# What you need to do:
Print every record exactly, omitting none.

# Stored data:
+++
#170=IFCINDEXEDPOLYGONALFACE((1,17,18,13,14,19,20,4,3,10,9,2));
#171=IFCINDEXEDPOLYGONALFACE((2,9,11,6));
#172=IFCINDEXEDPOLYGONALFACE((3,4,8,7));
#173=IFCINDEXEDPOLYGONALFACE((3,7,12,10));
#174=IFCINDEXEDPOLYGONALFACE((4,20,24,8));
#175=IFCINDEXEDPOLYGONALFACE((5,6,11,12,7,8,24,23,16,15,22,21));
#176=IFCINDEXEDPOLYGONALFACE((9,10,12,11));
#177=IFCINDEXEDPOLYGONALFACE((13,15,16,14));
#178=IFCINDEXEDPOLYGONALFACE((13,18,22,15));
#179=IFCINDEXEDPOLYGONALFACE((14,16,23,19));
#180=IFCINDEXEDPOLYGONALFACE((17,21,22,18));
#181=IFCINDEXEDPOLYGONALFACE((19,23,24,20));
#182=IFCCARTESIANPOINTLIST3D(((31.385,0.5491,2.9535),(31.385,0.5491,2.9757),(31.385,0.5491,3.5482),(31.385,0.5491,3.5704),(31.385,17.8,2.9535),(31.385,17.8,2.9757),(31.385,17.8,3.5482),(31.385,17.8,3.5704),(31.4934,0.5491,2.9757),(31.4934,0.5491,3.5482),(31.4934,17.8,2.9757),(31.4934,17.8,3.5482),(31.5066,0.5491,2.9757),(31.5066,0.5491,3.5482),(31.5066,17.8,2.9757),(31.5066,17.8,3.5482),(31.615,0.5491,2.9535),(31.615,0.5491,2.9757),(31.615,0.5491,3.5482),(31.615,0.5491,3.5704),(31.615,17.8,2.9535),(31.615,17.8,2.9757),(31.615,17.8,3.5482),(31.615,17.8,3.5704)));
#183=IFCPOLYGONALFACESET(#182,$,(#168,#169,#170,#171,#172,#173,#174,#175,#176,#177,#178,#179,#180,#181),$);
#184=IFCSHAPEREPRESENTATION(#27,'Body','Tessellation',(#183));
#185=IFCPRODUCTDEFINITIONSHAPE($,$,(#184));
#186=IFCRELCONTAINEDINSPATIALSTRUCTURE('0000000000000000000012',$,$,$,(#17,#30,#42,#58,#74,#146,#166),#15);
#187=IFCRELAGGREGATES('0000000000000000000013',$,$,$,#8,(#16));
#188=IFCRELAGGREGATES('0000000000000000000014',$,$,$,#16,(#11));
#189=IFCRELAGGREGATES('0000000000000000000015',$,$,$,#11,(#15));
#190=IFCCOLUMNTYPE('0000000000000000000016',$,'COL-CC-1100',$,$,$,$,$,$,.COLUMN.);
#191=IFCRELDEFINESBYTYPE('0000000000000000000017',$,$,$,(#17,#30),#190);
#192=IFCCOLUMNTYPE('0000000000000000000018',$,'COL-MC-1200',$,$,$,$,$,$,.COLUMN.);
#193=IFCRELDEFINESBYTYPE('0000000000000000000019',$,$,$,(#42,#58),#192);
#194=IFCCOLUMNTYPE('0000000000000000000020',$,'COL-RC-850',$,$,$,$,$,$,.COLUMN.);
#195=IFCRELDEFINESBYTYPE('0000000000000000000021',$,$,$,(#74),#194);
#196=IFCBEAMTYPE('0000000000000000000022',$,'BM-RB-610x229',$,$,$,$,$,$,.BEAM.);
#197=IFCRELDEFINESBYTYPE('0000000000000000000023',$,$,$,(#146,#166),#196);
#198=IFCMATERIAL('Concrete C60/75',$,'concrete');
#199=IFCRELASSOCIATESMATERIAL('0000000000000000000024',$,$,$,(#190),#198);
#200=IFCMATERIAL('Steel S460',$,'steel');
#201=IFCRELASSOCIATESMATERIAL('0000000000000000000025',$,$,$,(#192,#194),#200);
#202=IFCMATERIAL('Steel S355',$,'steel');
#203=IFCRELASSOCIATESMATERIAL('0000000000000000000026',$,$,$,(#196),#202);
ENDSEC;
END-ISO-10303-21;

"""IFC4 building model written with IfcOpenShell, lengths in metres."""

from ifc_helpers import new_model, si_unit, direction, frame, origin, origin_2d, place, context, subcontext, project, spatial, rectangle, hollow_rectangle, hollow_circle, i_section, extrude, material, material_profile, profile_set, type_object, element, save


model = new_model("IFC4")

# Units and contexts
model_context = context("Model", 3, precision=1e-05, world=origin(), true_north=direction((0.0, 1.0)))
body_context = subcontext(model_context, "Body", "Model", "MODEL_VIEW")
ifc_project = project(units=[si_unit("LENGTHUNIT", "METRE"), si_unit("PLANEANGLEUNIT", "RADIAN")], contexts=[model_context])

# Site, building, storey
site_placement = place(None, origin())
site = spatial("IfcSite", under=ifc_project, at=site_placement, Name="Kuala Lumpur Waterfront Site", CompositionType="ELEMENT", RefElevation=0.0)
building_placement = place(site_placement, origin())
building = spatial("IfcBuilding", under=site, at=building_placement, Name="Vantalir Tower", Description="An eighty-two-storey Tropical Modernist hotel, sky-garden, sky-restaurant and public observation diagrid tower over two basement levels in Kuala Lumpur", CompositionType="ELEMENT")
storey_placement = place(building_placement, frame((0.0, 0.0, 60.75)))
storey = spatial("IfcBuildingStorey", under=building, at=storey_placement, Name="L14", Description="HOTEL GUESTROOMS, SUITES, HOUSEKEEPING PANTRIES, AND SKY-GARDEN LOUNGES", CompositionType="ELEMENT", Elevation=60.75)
+++
# Answer for the task:
#170=IFCINDEXEDPOLYGONALFACE((1,17,18,13,14,19,20,4,3,10,9,2));
#171=IFCINDEXEDPOLYGONALFACE((2,9,11,6));
#172=IFCINDEXEDPOLYGONALFACE((3,4,8,7));
#173=IFCINDEXEDPOLYGONALFACE((3,7,12,10));
#174=IFCINDEXEDPOLYGONALFACE((4,20,24,8));
#175=IFCINDEXEDPOLYGONALFACE((5,6,11,12,7,8,24,23,16,15,22,21));
#176=IFCINDEXEDPOLYGONALFACE((9,10,12,11));
#177=IFCINDEXEDPOLYGONALFACE((13,15,16,14));
#178=IFCINDEXEDPOLYGONALFACE((13,18,22,15));
#179=IFCINDEXEDPOLYGONALFACE((14,16,23,19));
#180=IFCINDEXEDPOLYGONALFACE((17,21,22,18));
#181=IFCINDEXEDPOLYGONALFACE((19,23,24,20));
#182=IFCCARTESIANPOINTLIST3D(((31.385,0.5491,2.9535),(31.385,0.5491,2.9757),(31.385,0.5491,3.5482),(31.385,0.5491,3.5704),(31.385,17.8,2.9535),(31.385,17.8,2.9757),(31.385,17.8,3.5482),(31.385,17.8,3.5704),(31.4934,0.5491,2.9757),(31.4934,0.5491,3.5482),(31.4934,17.8,2.9757),(31.4934,17.8,3.5482),(31.5066,0.5491,2.9757),(31.5066,0.5491,3.5482),(31.5066,17.8,2.9757),(31.5066,17.8,3.5482),(31.615,0.5491,2.9535),(31.615,0.5491,2.9757),(31.615,0.5491,3.5482),(31.615,0.5491,3.5704),(31.615,17.8,2.9535),(31.615,17.8,2.9757),(31.615,17.8,3.5482),(31.615,17.8,3.5704)));
#183=IFCPOLYGONALFACESET(#182,$,(#168,#169,#170,#171,#172,#173,#174,#175,#176,#177,#178,#179,#180,#181),$);
#184=IFCSHAPEREPRESENTATION(#27,'Body','Tessellation',(#183));
#185=IFCPRODUCTDEFINITIONSHAPE($,$,(#184));
#186=IFCRELCONTAINEDINSPATIALSTRUCTURE('0000000000000000000012',$,$,$,(#17,#30,#42,#58,#74,#146,#166),#15);
#187=IFCRELAGGREGATES('0000000000000000000013',$,$,$,#8,(#16));
#188=IFCRELAGGREGATES('0000000000000000000014',$,$,$,#16,(#11));
#189=IFCRELAGGREGATES('0000000000000000000015',$,$,$,#11,(#15));
#190=IFCCOLUMNTYPE('0000000000000000000016',$,'COL-CC-1100',$,$,$,$,$,$,.COLUMN.);
#191=IFCRELDEFINESBYTYPE('0000000000000000000017',$,$,$,(#17,#30),#190);
#192=IFCCOLUMNTYPE('0000000000000000000018',$,'COL-MC-1200',$,$,$,$,$,$,.COLUMN.);
#193=IFCRELDEFINESBYTYPE('0000000000000000000019',$,$,$,(#42,#58),#192);
#194=IFCCOLUMNTYPE('0000000000000000000020',$,'COL-RC-850',$,$,$,$,$,$,.COLUMN.);
#195=IFCRELDEFINESBYTYPE('0000000000000000000021',$,$,$,(#74),#194);
#196=IFCBEAMTYPE('0000000000000000000022',$,'BM-RB-610x229',$,$,$,$,$,$,.BEAM.);
#197=IFCRELDEFINESBYTYPE('0000000000000000000023',$,$,$,(#146,#166),#196);
#198=IFCMATERIAL('Concrete C60/75',$,'concrete');
#199=IFCRELASSOCIATESMATERIAL('0000000000000000000024',$,$,$,(#190),#198);
#200=IFCMATERIAL('Steel S460',$,'steel');
#201=IFCRELASSOCIATESMATERIAL('0000000000000000000025',$,$,$,(#192,#194),#200);
#202=IFCMATERIAL('Steel S355',$,'steel');
#203=IFCRELASSOCIATESMATERIAL('0000000000000000000026',$,$,$,(#196),#202);
ENDSEC;
END-ISO-10303-21;

"""IFC4 building model written with IfcOpenShell, lengths in metres."""

from ifc_helpers import new_model, si_unit, direction, frame, origin, origin_2d, place, context, subcontext, project, spatial, rectangle, hollow_rectangle, hollow_circle, i_section, extrude, material, material_profile, profile_set, type_object, element, save


model = new_model("IFC4")

# Units and contexts
model_context = context("Model", 3, precision=1e-05, world=origin(), true_north=direction((0.0, 1.0)))
body_context = subcontext(model_context, "Body", "Model", "MODEL_VIEW")
ifc_project = project(units=[si_unit("LENGTHUNIT", "METRE"), si_unit("PLANEANGLEUNIT", "RADIAN")], contexts=[model_context])

# Site, building, storey
site_placement = place(None, origin())
site = spatial("IfcSite", under=ifc_project, at=site_placement, Name="Kuala Lumpur Waterfront Site", CompositionType="ELEMENT", RefElevation=0.0)
building_placement = place(site_placement, origin())
building = spatial("IfcBuilding", under=site, at=building_placement, Name="Vantalir Tower", Description="An eighty-two-storey Tropical Modernist hotel, sky-garden, sky-restaurant and public observation diagrid tower over two basement levels in Kuala Lumpur", CompositionType="ELEMENT")
storey_placement = place(building_placement, frame((0.0, 0.0, 60.75)))
storey = spatial("IfcBuildingStorey", under=building, at=storey_placement, Name="L14", Description="HOTEL GUESTROOMS, SUITES, HOUSEKEEPING PANTRIES, AND SKY-GARDEN LOUNGES", CompositionType="ELEMENT", Elevation=60.75)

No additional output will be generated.